§ **Task directions**:
Of all the entries below, only the lines from the one with "#51=IFCINDEXEDPOLYGONALFACE((2,6,8,4));" up to and including the one with "#79=IFCPOLYGONALFACESET(#78,$,(#72,#73,#74,#75,#76,#77),$);" are to be duplicated exactly.

(Collected data entries)
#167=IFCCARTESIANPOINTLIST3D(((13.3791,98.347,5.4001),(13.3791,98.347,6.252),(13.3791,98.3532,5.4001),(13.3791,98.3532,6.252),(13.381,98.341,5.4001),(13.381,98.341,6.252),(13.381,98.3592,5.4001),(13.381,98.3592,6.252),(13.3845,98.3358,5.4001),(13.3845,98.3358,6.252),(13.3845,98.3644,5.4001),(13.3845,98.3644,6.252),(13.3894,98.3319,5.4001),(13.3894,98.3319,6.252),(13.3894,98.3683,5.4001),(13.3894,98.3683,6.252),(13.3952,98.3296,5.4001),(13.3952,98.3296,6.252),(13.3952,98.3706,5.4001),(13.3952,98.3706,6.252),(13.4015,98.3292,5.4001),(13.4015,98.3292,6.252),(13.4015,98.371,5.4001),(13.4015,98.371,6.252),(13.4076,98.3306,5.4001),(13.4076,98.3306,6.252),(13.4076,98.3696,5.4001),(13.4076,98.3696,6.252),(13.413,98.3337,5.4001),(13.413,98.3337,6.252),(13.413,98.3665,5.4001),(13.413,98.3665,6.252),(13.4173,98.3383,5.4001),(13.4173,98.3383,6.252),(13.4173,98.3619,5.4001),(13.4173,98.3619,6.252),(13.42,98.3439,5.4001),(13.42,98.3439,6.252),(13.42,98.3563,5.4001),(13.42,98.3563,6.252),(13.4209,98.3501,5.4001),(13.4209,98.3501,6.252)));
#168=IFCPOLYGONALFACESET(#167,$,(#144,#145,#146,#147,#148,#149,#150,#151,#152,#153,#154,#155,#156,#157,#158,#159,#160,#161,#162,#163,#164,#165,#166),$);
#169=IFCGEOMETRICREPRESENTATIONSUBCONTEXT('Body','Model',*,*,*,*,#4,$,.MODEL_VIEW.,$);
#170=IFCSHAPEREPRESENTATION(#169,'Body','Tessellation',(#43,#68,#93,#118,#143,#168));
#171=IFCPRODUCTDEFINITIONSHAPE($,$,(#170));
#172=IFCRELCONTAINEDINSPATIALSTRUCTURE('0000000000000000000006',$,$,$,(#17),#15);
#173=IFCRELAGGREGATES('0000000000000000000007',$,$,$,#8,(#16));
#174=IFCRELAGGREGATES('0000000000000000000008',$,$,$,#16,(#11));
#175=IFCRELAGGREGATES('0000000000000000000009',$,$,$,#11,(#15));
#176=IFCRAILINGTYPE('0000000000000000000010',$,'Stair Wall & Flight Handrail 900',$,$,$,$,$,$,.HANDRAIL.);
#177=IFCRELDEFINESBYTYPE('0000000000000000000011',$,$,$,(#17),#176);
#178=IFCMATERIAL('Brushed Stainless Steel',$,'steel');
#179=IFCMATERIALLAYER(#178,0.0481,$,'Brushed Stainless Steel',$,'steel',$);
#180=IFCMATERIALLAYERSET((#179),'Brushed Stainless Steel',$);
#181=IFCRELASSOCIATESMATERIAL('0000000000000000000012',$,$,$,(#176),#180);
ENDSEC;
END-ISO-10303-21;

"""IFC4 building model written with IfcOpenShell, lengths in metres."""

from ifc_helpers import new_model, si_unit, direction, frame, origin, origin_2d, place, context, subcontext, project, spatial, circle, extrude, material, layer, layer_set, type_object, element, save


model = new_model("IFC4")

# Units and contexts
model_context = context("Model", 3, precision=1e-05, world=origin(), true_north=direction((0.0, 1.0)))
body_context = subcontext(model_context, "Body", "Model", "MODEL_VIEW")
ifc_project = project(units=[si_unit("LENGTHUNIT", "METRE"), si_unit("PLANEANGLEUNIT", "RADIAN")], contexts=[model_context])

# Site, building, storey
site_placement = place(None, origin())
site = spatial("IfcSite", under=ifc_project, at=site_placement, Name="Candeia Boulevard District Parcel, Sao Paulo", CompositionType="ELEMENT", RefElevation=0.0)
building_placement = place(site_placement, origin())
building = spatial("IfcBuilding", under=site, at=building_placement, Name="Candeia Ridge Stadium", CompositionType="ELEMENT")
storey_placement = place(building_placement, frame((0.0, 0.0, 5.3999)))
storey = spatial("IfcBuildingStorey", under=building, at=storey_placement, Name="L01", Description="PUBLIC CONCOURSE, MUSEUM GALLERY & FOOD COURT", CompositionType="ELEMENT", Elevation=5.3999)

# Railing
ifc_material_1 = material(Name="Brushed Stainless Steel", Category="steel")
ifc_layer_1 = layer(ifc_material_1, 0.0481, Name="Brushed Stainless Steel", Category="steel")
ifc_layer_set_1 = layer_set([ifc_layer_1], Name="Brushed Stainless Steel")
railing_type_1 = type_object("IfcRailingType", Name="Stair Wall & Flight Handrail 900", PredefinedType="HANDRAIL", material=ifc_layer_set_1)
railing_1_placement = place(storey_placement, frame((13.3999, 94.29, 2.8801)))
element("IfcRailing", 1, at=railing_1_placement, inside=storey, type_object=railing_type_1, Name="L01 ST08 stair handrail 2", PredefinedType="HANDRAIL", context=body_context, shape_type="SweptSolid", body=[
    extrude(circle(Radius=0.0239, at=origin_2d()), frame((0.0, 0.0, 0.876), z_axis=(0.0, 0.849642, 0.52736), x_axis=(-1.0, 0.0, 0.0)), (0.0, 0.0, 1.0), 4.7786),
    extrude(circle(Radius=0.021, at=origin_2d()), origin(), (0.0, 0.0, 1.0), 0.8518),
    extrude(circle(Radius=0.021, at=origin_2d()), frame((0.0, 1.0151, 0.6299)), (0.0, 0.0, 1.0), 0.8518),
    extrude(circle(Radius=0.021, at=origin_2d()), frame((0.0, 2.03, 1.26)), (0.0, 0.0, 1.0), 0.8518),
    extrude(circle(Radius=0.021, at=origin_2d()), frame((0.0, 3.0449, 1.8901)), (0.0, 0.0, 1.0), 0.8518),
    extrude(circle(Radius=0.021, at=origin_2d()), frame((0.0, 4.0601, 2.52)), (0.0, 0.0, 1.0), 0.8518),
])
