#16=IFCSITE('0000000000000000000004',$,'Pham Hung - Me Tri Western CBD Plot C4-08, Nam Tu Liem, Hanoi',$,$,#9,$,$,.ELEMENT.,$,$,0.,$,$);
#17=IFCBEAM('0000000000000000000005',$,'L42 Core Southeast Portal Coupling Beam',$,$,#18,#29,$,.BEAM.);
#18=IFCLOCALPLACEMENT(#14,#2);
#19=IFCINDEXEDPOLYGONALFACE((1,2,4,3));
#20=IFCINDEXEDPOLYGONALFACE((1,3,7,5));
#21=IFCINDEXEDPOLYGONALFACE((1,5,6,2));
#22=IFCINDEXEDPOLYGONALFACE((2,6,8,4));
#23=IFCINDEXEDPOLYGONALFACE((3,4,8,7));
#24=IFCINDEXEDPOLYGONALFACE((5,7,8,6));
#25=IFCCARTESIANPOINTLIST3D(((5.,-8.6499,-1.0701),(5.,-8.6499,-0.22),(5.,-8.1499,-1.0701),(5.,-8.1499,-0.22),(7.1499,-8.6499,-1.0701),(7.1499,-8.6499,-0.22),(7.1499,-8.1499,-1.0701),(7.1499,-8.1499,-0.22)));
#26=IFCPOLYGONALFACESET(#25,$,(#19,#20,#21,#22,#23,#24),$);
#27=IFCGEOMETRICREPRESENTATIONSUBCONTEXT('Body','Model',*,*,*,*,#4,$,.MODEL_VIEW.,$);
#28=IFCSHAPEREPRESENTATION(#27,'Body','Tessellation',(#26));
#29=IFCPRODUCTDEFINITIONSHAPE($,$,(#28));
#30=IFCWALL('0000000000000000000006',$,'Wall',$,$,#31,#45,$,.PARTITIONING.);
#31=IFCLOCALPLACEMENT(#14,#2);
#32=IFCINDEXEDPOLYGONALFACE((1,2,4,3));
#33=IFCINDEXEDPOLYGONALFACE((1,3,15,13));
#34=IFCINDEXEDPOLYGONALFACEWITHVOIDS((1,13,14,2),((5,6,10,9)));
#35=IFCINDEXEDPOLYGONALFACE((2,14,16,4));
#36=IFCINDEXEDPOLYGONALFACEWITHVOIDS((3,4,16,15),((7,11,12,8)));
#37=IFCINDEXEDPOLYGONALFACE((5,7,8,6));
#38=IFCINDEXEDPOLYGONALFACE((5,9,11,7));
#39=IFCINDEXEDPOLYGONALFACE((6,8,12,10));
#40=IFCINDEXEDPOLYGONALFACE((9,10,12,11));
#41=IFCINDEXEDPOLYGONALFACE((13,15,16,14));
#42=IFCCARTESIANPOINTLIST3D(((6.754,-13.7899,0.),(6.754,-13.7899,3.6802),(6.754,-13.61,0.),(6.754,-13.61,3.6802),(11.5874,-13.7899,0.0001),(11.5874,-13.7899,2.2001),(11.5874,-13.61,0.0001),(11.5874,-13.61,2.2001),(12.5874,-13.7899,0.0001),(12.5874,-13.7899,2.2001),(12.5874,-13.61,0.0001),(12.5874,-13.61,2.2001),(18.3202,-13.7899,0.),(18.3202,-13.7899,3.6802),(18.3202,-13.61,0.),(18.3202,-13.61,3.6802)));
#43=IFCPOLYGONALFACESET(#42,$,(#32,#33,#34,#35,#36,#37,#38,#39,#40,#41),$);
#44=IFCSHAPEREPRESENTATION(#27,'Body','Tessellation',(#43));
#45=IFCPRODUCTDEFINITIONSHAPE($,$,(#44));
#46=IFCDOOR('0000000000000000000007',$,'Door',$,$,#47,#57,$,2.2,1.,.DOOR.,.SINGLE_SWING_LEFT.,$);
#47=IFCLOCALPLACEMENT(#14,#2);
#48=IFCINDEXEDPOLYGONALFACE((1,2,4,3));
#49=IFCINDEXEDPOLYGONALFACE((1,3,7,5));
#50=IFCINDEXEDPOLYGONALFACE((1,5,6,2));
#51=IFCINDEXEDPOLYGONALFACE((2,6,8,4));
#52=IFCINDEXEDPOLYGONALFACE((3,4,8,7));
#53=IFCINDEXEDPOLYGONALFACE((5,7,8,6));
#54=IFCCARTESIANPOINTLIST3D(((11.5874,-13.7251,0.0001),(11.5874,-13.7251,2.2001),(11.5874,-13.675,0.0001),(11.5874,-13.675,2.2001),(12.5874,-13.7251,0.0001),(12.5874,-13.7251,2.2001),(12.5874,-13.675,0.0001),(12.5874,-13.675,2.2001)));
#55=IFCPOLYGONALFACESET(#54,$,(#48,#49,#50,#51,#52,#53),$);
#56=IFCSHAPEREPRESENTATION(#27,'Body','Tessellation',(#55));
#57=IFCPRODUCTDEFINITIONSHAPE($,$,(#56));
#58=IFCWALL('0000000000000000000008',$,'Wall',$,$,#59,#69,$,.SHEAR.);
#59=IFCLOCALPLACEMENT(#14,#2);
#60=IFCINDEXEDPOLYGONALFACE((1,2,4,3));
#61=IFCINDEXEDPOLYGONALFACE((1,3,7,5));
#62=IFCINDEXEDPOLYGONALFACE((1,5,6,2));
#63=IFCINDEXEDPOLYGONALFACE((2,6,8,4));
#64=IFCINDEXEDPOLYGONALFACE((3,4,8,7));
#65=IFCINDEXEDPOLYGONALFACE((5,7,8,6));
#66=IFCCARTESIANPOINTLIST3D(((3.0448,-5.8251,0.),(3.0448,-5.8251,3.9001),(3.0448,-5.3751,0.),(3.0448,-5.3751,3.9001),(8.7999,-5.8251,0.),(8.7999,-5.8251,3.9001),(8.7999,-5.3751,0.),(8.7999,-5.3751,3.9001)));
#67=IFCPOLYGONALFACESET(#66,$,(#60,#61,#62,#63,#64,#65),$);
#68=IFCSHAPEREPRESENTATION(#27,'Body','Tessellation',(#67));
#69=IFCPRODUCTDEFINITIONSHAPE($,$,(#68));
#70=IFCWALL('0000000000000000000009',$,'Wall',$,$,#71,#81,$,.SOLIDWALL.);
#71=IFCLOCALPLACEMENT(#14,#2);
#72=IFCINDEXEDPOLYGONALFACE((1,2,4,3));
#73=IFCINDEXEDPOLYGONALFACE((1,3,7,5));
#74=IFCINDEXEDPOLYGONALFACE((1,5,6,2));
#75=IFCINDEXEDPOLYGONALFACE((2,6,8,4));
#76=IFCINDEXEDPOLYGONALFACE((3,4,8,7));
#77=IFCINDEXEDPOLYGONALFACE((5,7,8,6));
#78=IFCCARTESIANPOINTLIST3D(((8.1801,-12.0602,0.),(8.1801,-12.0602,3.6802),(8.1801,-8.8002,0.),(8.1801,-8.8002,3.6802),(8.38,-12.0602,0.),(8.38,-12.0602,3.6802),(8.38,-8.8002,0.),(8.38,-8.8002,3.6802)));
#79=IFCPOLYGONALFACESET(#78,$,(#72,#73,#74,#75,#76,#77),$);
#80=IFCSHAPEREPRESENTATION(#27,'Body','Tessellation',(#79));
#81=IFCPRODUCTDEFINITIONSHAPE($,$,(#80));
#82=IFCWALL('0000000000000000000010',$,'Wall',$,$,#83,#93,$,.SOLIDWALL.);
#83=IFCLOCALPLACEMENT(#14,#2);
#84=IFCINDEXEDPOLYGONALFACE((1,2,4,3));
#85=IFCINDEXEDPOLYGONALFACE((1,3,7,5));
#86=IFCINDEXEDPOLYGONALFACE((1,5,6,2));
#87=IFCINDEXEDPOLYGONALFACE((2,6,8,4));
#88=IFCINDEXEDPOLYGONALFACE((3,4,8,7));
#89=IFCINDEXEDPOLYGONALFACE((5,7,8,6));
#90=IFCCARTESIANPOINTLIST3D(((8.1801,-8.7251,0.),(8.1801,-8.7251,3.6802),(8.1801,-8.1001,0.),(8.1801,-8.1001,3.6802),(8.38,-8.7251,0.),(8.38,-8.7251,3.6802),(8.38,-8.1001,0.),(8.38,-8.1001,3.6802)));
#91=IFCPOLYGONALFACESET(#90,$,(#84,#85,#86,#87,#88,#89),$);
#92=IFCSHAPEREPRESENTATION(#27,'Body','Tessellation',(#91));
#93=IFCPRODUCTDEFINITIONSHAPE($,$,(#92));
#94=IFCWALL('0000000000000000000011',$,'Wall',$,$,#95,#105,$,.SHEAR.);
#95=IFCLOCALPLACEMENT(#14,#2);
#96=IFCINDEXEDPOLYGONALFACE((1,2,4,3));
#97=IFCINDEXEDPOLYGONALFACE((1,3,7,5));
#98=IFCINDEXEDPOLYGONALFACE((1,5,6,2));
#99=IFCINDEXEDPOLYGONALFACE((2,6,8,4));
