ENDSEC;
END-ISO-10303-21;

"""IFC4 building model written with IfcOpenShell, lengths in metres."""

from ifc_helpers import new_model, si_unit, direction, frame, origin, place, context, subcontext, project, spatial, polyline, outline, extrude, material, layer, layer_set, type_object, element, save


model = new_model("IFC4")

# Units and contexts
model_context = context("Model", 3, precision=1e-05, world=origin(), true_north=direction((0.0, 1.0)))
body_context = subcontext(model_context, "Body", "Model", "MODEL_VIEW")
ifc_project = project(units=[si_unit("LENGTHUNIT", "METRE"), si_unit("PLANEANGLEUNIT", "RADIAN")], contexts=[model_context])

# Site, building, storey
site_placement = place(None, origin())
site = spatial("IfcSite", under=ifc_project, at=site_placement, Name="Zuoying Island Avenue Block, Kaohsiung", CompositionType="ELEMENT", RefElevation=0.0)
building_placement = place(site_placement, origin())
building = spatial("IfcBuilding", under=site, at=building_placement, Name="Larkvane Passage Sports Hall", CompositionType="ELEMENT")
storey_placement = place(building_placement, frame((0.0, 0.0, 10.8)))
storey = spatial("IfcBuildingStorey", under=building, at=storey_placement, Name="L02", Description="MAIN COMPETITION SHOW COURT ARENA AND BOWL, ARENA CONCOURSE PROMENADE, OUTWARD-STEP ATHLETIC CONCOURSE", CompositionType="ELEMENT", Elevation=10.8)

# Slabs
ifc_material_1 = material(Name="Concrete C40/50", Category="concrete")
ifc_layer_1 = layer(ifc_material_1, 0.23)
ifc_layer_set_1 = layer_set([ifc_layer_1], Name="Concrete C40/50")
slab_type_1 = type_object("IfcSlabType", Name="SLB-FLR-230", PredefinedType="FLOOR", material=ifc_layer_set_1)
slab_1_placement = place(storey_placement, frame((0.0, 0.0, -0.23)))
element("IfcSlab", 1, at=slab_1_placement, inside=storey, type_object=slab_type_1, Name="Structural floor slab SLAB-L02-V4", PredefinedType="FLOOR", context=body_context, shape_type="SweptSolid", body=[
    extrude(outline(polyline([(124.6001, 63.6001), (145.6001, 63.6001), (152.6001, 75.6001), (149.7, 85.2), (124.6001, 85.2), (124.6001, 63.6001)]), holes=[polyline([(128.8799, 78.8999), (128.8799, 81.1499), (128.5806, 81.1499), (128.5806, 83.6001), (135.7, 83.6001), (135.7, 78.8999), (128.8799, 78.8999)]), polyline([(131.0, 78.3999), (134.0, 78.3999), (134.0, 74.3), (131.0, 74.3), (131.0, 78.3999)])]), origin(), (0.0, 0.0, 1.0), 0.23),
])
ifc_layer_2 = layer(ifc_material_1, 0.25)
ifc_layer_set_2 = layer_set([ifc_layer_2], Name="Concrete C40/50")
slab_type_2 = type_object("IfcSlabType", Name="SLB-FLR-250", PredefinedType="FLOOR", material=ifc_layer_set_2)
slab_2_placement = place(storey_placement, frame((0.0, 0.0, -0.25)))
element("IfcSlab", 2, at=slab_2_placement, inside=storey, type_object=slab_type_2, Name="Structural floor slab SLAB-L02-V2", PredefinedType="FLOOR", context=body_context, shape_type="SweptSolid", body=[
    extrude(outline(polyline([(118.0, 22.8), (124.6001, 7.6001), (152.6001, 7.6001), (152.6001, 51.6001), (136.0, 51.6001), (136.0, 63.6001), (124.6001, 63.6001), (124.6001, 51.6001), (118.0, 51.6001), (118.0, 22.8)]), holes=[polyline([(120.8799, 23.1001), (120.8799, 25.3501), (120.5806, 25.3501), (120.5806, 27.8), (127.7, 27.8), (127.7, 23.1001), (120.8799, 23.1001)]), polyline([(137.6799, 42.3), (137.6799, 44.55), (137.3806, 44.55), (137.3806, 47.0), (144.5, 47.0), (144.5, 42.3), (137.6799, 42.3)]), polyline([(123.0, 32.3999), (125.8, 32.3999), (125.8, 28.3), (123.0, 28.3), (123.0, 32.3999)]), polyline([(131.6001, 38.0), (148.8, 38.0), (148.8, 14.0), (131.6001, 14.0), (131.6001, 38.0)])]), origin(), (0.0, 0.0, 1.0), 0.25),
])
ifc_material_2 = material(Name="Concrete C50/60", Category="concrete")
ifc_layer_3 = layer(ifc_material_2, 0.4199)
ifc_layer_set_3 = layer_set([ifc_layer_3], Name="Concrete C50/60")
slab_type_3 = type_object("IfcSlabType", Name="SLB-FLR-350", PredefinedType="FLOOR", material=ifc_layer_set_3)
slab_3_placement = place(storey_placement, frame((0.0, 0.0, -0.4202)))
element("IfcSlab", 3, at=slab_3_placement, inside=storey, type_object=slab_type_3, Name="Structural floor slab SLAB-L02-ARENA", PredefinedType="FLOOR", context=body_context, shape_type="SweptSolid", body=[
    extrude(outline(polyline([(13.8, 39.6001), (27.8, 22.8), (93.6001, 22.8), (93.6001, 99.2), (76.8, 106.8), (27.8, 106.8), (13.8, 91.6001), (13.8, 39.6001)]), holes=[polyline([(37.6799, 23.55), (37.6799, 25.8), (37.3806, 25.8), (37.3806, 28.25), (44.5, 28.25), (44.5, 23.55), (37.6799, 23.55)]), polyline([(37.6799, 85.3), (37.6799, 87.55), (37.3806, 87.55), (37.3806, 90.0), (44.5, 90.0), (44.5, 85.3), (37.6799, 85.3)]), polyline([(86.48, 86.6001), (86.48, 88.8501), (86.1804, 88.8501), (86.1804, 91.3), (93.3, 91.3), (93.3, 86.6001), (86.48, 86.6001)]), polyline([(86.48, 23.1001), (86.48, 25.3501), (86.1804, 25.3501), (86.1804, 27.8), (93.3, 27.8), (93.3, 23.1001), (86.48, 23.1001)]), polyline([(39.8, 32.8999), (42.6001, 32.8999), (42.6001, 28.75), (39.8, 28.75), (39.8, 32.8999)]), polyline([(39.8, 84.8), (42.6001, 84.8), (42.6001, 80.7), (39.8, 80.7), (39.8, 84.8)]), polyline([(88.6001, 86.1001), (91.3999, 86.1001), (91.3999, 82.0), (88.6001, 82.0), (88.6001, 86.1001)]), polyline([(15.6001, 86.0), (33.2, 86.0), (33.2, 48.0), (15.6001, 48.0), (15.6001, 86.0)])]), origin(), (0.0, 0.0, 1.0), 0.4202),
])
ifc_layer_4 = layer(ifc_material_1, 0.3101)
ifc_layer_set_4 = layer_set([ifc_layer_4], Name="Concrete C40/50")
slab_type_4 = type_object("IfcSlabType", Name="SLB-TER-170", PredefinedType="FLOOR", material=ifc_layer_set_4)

§ **Task result**:
#51=IFCINDEXEDPOLYGONALFACE((2,6,8,4));
#52=IFCINDEXEDPOLYGONALFACE((3,4,8,7));
#53=IFCINDEXEDPOLYGONALFACE((5,7,8,6));
#54=IFCCARTESIANPOINTLIST3D(((11.5874,-13.7251,0.0001),(11.5874,-13.7251,2.2001),(11.5874,-13.675,0.0001),(11.5874,-13.675,2.2001),(12.5874,-13.7251,0.0001),(12.5874,-13.7251,2.2001),(12.5874,-13.675,0.0001),(12.5874,-13.675,2.2001)));
#55=IFCPOLYGONALFACESET(#54,$,(#48,#49,#50,#51,#52,#53),$);
#56=IFCSHAPEREPRESENTATION(#27,'Body','Tessellation',(#55));
#57=IFCPRODUCTDEFINITIONSHAPE($,$,(#56));
#58=IFCWALL('0000000000000000000008',$,'Wall',$,$,#59,#69,$,.SHEAR.);
#59=IFCLOCALPLACEMENT(#14,#2);
#60=IFCINDEXEDPOLYGONALFACE((1,2,4,3));
#61=IFCINDEXEDPOLYGONALFACE((1,3,7,5));
#62=IFCINDEXEDPOLYGONALFACE((1,5,6,2));
#63=IFCINDEXEDPOLYGONALFACE((2,6,8,4));
#64=IFCINDEXEDPOLYGONALFACE((3,4,8,7));
#65=IFCINDEXEDPOLYGONALFACE((5,7,8,6));
#66=IFCCARTESIANPOINTLIST3D(((3.0448,-5.8251,0.),(3.0448,-5.8251,3.9001),(3.0448,-5.3751,0.),(3.0448,-5.3751,3.9001),(8.7999,-5.8251,0.),(8.7999,-5.8251,3.9001),(8.7999,-5.3751,0.),(8.7999,-5.3751,3.9001)));
#67=IFCPOLYGONALFACESET(#66,$,(#60,#61,#62,#63,#64,#65),$);
#68=IFCSHAPEREPRESENTATION(#27,'Body','Tessellation',(#67));
#69=IFCPRODUCTDEFINITIONSHAPE($,$,(#68));
#70=IFCWALL('0000000000000000000009',$,'Wall',$,$,#71,#81,$,.SOLIDWALL.);
#71=IFCLOCALPLACEMENT(#14,#2);
#72=IFCINDEXEDPOLYGONALFACE((1,2,4,3));
#73=IFCINDEXEDPOLYGONALFACE((1,3,7,5));
#74=IFCINDEXEDPOLYGONALFACE((1,5,6,2));
#75=IFCINDEXEDPOLYGONALFACE((2,6,8,4));
#76=IFCINDEXEDPOLYGONALFACE((3,4,8,7));
#77=IFCINDEXEDPOLYGONALFACE((5,7,8,6));
#78=IFCCARTESIANPOINTLIST3D(((8.1801,-12.0602,0.),(8.1801,-12.0602,3.6802),(8.1801,-8.8002,0.),(8.1801,-8.8002,3.6802),(8.38,-12.0602,0.),(8.38,-12.0602,3.6802),(8.38,-8.8002,0.),(8.38,-8.8002,3.6802)));
#79=IFCPOLYGONALFACESET(#78,$,(#72,#73,#74,#75,#76,#77),$);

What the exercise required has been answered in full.